>>

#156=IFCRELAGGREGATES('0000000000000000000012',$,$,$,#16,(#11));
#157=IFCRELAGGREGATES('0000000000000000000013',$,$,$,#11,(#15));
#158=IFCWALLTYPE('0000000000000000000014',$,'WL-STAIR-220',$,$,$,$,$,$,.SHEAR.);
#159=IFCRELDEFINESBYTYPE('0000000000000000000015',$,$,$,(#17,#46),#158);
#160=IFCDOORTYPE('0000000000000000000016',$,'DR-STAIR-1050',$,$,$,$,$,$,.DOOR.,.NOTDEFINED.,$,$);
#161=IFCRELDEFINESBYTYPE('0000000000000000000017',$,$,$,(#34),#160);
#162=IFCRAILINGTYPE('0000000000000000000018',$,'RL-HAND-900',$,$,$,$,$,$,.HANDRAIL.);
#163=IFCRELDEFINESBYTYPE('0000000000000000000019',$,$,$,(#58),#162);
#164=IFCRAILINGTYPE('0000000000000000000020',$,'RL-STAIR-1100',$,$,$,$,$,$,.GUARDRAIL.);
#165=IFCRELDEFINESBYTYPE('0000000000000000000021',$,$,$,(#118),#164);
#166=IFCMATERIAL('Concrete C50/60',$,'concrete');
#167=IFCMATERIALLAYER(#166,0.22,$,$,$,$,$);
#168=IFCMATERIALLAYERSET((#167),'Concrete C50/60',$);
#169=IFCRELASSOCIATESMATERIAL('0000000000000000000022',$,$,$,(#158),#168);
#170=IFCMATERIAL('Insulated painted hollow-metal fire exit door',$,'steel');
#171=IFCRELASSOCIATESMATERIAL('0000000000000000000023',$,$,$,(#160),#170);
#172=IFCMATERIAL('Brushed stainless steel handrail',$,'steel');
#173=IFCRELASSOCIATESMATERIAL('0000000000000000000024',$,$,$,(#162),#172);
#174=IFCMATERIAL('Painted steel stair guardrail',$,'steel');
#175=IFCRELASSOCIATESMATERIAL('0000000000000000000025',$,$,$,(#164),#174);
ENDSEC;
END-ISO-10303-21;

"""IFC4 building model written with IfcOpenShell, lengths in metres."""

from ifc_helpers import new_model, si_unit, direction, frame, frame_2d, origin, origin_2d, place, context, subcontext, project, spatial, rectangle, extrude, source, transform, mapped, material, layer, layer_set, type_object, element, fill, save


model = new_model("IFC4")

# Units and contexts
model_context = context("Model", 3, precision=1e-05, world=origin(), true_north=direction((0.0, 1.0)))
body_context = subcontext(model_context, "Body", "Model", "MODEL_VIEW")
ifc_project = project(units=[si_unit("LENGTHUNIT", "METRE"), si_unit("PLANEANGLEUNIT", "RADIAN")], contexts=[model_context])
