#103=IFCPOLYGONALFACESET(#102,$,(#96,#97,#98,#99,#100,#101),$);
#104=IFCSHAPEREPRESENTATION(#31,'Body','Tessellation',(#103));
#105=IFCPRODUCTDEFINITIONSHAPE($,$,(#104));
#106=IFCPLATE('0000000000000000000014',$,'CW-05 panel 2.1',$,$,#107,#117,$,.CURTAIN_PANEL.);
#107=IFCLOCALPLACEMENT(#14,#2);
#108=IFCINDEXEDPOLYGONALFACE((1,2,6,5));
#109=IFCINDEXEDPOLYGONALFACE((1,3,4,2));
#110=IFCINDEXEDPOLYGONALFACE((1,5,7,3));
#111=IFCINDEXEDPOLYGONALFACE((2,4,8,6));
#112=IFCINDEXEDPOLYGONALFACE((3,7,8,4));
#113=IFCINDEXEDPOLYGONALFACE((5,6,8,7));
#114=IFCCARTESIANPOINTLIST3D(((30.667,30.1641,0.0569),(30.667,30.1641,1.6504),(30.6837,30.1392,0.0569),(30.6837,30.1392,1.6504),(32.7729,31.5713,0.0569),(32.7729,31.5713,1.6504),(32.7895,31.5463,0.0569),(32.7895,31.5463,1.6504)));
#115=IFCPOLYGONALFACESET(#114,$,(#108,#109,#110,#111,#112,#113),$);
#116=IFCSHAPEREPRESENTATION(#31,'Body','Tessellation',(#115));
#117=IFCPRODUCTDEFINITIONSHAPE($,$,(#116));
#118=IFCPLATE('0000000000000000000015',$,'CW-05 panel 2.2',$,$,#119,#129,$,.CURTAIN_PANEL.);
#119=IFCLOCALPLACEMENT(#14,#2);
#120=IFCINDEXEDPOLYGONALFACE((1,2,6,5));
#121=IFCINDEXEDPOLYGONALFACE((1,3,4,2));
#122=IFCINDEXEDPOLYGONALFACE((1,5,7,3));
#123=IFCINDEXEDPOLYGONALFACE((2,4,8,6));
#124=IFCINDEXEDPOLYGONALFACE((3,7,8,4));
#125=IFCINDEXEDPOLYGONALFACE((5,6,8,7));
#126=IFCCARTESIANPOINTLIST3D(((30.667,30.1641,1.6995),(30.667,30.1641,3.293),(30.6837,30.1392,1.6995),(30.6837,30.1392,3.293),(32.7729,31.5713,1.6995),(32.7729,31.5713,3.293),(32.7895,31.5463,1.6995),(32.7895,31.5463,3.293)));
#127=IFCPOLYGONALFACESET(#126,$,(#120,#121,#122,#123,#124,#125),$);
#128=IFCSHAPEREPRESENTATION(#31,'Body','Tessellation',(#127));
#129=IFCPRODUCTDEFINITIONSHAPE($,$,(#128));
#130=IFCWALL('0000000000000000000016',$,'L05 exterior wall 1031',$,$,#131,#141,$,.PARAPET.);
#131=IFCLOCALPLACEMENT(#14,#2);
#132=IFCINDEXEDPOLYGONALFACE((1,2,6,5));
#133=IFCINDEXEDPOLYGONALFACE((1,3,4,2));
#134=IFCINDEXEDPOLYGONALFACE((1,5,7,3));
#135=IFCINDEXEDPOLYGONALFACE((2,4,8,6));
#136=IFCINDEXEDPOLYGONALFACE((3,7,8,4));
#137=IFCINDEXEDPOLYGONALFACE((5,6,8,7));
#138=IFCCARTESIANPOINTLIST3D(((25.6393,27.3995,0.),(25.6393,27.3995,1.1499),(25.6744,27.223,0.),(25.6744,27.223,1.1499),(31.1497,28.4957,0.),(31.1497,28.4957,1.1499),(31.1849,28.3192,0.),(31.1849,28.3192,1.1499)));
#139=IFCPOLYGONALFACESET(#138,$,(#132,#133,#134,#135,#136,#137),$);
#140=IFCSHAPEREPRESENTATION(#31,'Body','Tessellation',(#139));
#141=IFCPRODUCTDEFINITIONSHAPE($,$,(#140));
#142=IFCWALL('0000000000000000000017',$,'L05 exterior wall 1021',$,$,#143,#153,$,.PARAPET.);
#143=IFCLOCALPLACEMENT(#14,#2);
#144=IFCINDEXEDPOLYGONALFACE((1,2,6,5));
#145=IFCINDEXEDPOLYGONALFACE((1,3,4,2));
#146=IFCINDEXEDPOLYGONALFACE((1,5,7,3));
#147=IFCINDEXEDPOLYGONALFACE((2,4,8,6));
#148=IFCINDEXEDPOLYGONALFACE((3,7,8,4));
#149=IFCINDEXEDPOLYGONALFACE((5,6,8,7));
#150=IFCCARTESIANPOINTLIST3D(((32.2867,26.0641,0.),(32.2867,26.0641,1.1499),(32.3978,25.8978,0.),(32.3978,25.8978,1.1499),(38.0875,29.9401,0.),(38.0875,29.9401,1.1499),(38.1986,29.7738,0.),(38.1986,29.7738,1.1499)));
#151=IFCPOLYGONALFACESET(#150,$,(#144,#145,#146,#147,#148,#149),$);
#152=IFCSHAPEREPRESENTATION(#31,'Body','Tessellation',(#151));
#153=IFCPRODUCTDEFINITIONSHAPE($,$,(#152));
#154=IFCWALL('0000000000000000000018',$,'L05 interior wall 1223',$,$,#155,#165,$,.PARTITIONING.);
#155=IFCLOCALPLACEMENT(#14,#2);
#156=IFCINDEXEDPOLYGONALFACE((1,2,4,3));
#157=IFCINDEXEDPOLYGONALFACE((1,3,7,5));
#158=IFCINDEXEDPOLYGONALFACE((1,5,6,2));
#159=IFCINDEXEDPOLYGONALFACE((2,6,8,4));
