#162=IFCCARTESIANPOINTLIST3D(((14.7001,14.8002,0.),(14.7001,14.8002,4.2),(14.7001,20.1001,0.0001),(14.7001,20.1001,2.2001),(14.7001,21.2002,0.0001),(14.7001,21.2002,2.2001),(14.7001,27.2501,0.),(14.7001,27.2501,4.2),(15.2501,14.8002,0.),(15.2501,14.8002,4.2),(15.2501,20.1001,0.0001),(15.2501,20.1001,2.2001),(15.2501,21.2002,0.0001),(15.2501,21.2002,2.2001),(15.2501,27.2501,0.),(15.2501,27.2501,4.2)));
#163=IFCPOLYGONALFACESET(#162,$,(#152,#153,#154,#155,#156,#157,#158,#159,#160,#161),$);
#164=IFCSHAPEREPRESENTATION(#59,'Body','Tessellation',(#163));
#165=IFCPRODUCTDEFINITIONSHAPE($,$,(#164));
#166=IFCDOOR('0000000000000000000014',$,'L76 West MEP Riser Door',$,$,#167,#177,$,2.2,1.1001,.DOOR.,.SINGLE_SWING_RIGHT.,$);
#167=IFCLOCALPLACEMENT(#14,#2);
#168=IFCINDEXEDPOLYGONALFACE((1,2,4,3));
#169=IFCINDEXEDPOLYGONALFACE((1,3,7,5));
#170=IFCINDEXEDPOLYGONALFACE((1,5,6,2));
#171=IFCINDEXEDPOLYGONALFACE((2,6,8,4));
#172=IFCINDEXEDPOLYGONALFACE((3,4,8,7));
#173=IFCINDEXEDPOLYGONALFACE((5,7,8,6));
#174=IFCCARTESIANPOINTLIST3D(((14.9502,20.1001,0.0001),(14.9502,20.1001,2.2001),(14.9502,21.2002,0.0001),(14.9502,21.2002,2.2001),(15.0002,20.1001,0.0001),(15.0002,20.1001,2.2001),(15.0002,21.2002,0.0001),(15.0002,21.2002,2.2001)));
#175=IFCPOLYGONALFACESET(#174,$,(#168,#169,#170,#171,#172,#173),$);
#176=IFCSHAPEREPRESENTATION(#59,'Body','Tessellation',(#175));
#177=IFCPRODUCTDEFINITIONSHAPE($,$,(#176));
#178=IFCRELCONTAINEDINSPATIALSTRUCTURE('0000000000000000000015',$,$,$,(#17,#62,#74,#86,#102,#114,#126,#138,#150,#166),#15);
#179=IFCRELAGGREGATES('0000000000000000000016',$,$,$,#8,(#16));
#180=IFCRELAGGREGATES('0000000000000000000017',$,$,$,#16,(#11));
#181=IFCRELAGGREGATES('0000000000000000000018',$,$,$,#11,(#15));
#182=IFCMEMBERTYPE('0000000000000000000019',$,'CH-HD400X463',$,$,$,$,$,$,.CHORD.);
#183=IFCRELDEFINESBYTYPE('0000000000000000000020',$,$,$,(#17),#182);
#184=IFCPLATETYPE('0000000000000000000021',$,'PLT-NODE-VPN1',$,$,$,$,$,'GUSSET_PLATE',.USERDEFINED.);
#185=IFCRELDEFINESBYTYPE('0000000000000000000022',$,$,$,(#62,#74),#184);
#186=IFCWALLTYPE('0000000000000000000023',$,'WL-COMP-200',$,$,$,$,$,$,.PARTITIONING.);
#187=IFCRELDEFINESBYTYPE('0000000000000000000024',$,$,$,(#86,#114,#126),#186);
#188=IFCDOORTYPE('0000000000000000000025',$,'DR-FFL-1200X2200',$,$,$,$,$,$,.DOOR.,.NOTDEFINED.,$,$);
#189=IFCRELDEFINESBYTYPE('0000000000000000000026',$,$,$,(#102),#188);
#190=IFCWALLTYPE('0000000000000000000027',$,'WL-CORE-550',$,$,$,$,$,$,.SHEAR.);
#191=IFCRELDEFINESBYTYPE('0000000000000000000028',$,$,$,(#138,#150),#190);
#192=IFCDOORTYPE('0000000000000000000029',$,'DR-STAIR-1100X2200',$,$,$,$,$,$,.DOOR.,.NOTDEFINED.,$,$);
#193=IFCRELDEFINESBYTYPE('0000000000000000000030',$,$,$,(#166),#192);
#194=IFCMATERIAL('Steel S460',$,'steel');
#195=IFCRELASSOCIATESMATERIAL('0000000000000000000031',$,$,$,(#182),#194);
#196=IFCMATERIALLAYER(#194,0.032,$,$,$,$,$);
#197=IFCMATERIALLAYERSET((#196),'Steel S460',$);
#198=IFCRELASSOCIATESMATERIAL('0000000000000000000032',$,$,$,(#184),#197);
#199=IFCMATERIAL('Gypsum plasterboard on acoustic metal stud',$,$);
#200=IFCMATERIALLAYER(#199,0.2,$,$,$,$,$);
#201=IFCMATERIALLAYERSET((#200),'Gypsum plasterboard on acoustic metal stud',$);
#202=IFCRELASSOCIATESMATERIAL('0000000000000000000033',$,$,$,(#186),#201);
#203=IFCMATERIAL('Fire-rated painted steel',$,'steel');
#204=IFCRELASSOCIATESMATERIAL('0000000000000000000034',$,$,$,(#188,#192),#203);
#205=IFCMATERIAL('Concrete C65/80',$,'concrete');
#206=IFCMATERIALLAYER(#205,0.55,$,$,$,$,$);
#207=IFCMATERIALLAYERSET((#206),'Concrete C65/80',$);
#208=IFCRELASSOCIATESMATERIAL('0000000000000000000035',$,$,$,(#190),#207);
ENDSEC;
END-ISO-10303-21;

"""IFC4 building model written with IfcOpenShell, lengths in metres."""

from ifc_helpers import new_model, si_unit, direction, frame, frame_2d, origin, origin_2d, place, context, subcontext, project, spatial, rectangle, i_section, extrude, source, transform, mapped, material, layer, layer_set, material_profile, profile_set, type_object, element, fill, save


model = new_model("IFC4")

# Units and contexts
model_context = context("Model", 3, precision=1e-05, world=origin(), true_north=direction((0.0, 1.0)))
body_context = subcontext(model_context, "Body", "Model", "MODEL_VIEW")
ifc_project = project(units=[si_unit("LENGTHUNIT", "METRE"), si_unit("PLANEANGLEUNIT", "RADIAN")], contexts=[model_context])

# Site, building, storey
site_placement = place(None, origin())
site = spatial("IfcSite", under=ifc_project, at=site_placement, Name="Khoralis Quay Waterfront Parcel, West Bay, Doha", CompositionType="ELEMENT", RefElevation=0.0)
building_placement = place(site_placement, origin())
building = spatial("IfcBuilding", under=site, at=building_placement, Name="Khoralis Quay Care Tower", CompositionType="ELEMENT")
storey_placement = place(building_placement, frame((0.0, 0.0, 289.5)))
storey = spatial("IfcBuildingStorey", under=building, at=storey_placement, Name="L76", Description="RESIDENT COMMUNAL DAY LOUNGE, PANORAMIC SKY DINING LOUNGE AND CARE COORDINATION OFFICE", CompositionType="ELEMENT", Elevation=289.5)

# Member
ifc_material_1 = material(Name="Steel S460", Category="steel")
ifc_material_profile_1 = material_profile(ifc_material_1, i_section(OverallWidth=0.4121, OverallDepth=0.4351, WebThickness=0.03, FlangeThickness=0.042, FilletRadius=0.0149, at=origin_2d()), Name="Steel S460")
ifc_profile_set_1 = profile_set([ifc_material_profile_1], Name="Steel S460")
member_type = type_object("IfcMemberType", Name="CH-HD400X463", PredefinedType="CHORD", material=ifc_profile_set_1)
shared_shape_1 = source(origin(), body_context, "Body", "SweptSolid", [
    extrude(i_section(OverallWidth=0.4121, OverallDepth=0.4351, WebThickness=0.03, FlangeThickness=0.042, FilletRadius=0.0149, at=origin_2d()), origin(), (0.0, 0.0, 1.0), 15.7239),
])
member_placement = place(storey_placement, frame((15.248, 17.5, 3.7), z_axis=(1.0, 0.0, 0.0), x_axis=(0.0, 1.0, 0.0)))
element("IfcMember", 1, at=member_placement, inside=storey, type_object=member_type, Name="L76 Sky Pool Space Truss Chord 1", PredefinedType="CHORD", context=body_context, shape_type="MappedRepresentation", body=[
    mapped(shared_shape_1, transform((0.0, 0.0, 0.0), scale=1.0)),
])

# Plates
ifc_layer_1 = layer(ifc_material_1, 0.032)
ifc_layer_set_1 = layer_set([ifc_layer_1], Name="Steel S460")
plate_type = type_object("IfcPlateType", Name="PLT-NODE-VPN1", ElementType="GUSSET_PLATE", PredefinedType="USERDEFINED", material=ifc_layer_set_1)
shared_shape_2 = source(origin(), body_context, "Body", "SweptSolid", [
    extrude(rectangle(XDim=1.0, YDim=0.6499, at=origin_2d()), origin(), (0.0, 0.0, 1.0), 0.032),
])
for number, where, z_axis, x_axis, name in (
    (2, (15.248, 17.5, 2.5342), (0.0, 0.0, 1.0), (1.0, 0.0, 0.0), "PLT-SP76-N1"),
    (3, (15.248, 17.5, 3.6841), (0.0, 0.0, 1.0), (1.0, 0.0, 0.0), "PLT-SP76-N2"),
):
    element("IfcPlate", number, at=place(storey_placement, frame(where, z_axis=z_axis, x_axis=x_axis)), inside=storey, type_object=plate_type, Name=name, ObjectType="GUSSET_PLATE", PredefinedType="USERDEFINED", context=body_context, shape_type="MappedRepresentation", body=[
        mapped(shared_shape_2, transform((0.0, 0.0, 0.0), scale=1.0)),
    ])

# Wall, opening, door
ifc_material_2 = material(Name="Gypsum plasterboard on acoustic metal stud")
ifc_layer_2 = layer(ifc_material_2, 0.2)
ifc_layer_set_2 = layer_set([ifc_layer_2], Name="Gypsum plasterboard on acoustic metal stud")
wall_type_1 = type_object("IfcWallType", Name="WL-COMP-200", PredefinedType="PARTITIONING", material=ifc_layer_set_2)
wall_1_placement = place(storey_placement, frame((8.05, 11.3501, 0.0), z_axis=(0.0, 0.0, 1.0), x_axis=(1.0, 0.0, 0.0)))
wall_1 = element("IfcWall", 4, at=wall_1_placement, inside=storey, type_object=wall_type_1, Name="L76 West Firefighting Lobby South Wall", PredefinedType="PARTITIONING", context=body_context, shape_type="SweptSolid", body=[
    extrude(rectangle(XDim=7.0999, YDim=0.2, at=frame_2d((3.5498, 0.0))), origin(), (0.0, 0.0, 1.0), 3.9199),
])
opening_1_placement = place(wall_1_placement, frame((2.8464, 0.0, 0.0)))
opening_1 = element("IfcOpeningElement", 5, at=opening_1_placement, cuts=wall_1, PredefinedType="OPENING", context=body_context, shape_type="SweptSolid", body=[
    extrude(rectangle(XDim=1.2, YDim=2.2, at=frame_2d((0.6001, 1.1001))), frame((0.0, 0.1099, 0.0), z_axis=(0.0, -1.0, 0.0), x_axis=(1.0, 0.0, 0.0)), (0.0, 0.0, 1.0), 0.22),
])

<<

> [Task statement] Find the word "save" in the listing above. Copy each line where it appears.

> [Completed task]
from ifc_helpers import new_model, si_unit, direction, frame, frame_2d, origin, origin_2d, place, context, subcontext, project, spatial, rectangle, extrude, source, transform, mapped, material, layer, layer_set, type_object, element, fill, save
from ifc_helpers import new_model, si_unit, direction, frame, frame_2d, origin, origin_2d, place, context, subcontext, project, spatial, rectangle, i_section, extrude, source, transform, mapped, material, layer, layer_set, material_profile, profile_set, type_object, element, fill, save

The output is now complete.